- **INFORMATION SHOWN**:

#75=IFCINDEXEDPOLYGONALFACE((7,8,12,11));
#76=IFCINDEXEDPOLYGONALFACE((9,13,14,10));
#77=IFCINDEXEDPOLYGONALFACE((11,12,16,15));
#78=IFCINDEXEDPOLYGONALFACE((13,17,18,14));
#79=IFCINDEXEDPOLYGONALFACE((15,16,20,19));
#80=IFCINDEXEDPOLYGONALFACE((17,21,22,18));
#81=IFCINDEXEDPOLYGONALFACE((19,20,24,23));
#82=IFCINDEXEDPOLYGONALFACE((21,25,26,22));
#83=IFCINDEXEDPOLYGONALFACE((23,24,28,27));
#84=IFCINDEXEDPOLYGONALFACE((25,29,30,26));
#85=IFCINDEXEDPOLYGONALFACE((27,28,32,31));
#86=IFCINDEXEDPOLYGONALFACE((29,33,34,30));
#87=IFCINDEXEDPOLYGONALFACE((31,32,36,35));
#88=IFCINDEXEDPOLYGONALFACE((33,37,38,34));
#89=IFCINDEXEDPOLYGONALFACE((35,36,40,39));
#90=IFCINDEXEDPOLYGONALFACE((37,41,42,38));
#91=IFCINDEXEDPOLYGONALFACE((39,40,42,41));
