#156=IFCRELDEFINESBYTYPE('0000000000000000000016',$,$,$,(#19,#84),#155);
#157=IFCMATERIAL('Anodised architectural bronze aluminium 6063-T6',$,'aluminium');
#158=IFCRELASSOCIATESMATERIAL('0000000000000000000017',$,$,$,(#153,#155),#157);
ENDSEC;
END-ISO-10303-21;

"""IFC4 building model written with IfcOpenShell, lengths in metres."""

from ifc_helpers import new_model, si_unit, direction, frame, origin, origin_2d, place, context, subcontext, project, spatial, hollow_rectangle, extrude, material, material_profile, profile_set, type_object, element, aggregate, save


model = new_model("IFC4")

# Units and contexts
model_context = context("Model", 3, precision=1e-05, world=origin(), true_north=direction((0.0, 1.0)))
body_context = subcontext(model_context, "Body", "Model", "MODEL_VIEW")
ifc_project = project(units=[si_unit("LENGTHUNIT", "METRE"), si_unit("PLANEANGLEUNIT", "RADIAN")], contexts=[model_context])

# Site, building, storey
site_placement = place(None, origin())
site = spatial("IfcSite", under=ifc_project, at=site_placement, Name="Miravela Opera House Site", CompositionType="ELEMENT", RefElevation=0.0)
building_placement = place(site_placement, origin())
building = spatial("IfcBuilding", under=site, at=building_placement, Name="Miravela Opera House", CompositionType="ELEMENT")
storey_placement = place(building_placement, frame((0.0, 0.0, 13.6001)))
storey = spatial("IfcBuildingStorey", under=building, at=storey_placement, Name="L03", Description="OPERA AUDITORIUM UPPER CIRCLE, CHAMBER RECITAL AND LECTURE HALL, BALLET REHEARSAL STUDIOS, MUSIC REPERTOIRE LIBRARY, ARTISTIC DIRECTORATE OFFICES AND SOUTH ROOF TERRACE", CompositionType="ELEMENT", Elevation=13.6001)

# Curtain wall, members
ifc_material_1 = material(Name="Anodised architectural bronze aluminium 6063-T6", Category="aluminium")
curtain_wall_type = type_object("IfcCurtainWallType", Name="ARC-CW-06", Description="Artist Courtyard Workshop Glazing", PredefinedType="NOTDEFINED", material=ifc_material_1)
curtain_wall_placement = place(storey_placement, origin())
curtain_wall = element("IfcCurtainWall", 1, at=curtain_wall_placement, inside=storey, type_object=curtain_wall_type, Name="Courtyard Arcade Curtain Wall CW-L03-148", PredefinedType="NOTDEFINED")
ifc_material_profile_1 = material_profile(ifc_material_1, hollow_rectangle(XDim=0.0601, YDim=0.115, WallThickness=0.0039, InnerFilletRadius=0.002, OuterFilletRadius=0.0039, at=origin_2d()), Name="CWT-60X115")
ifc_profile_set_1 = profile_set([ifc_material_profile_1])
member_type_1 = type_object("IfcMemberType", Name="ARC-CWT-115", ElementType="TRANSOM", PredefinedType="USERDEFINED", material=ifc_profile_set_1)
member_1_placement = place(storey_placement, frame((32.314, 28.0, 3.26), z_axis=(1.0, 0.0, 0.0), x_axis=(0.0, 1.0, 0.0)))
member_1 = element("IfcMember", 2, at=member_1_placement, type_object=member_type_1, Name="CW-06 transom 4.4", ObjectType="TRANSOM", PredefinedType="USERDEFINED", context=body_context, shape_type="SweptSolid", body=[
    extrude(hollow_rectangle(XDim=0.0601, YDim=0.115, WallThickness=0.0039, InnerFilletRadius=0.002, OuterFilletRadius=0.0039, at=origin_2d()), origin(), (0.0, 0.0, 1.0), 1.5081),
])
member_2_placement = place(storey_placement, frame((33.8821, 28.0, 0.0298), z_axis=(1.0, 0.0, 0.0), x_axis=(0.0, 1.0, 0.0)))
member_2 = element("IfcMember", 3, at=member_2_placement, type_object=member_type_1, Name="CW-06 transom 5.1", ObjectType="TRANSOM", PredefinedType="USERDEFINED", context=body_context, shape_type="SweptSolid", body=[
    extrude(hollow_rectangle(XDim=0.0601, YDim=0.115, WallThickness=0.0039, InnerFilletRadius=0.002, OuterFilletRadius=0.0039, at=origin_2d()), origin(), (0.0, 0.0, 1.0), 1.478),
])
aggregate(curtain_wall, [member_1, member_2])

- **YOUR ASSIGNMENT**:
Extract from the listing above the lines between the line containing "UPPER CIRCLE, CHAMBER" and the line containing "curtain_wall_placement = place(storey_placement, origin())", keeping both of those lines. Output nothing else.

- **COMPLETED TASK**:
storey = spatial("IfcBuildingStorey", under=building, at=storey_placement, Name="L03", Description="OPERA AUDITORIUM UPPER CIRCLE, CHAMBER RECITAL AND LECTURE HALL, BALLET REHEARSAL STUDIOS, MUSIC REPERTOIRE LIBRARY, ARTISTIC DIRECTORATE OFFICES AND SOUTH ROOF TERRACE", CompositionType="ELEMENT", Elevation=13.6001)

# Curtain wall, members
ifc_material_1 = material(Name="Anodised architectural bronze aluminium 6063-T6", Category="aluminium")
curtain_wall_type = type_object("IfcCurtainWallType", Name="ARC-CW-06", Description="Artist Courtyard Workshop Glazing", PredefinedType="NOTDEFINED", material=ifc_material_1)
curtain_wall_placement = place(storey_placement, origin())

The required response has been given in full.